__What needs to be done__
Keep only the lines from the top of the listing through the one with "#158=IFCINDEXEDPOLYGONALFACE((4,68,72,8));", and reproduce them unaltered.

Segment Start: Provided material

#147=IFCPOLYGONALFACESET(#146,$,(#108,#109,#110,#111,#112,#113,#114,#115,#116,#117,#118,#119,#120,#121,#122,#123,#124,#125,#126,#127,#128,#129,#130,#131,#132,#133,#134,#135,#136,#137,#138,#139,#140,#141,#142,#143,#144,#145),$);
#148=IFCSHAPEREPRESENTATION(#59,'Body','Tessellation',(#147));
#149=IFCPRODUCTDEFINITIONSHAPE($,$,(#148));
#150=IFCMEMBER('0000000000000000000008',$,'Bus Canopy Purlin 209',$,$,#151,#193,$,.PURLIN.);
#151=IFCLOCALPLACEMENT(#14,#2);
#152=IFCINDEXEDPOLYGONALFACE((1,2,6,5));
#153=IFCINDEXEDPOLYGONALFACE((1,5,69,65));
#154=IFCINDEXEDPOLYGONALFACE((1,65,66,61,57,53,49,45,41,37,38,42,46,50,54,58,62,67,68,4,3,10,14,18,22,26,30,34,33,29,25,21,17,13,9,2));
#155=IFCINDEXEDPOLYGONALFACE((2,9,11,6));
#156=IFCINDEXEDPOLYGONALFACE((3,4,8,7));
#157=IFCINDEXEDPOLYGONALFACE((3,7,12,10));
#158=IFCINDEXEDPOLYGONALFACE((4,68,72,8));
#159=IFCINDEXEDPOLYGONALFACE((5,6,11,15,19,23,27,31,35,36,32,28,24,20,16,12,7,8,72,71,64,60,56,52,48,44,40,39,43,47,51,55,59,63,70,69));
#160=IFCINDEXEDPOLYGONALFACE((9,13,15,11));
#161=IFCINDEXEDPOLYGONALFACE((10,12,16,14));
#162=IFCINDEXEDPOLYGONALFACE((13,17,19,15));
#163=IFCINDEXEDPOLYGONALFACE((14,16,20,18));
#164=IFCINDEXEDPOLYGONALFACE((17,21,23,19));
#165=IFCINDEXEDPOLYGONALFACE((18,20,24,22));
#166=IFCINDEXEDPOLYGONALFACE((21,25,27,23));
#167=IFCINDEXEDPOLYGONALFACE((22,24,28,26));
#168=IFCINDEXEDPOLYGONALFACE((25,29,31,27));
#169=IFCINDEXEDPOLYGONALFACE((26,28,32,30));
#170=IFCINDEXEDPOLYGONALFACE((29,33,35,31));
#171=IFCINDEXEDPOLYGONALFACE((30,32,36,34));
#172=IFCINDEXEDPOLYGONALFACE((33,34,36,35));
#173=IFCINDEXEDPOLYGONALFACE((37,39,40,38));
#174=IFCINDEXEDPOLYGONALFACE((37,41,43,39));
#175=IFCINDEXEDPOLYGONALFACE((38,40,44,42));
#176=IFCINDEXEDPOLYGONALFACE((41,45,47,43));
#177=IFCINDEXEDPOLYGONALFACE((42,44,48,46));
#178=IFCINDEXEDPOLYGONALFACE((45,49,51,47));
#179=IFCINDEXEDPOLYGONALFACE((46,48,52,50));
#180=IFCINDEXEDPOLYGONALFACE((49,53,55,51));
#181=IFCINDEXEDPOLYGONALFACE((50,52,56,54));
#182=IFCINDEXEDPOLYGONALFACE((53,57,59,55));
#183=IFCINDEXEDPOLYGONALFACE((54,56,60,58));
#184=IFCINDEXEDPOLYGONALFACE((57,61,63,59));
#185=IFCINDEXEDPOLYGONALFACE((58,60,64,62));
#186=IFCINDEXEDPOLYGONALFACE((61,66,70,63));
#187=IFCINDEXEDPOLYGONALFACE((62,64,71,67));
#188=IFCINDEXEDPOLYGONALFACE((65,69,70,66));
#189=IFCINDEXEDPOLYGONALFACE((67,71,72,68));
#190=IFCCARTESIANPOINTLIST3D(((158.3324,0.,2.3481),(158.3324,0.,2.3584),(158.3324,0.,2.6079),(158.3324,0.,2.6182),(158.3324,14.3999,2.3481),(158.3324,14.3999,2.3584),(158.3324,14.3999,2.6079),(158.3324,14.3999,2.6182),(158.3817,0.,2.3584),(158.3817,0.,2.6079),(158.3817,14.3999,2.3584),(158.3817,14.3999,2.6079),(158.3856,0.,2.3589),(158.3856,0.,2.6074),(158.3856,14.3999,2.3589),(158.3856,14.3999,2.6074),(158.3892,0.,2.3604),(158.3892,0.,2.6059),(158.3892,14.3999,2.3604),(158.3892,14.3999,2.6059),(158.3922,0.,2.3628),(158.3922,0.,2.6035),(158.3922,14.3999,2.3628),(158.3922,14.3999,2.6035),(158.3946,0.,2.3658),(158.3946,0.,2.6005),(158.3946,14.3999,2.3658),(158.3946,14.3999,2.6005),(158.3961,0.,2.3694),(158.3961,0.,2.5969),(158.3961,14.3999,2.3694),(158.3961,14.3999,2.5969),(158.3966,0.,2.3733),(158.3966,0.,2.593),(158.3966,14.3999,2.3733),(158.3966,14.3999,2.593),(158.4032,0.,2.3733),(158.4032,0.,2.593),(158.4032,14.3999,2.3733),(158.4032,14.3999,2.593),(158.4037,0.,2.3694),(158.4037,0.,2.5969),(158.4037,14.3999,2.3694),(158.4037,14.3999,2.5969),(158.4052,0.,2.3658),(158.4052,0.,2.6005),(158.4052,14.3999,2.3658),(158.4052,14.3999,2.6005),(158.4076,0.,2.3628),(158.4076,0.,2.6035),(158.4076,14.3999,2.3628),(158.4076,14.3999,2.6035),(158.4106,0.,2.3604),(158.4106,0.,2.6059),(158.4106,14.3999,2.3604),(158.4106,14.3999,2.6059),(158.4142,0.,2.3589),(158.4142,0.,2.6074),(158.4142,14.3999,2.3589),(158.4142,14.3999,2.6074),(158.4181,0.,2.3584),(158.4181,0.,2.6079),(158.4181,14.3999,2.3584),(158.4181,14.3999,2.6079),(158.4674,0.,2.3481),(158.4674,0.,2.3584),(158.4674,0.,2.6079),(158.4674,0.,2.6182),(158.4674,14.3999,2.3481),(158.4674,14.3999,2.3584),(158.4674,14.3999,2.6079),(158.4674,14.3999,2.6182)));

Segment End: Provided material

__Answer to this problem__
#147=IFCPOLYGONALFACESET(#146,$,(#108,#109,#110,#111,#112,#113,#114,#115,#116,#117,#118,#119,#120,#121,#122,#123,#124,#125,#126,#127,#128,#129,#130,#131,#132,#133,#134,#135,#136,#137,#138,#139,#140,#141,#142,#143,#144,#145),$);
#148=IFCSHAPEREPRESENTATION(#59,'Body','Tessellation',(#147));
#149=IFCPRODUCTDEFINITIONSHAPE($,$,(#148));
#150=IFCMEMBER('0000000000000000000008',$,'Bus Canopy Purlin 209',$,$,#151,#193,$,.PURLIN.);
#151=IFCLOCALPLACEMENT(#14,#2);
#152=IFCINDEXEDPOLYGONALFACE((1,2,6,5));
#153=IFCINDEXEDPOLYGONALFACE((1,5,69,65));
#154=IFCINDEXEDPOLYGONALFACE((1,65,66,61,57,53,49,45,41,37,38,42,46,50,54,58,62,67,68,4,3,10,14,18,22,26,30,34,33,29,25,21,17,13,9,2));
#155=IFCINDEXEDPOLYGONALFACE((2,9,11,6));
#156=IFCINDEXEDPOLYGONALFACE((3,4,8,7));
#157=IFCINDEXEDPOLYGONALFACE((3,7,12,10));
#158=IFCINDEXEDPOLYGONALFACE((4,68,72,8));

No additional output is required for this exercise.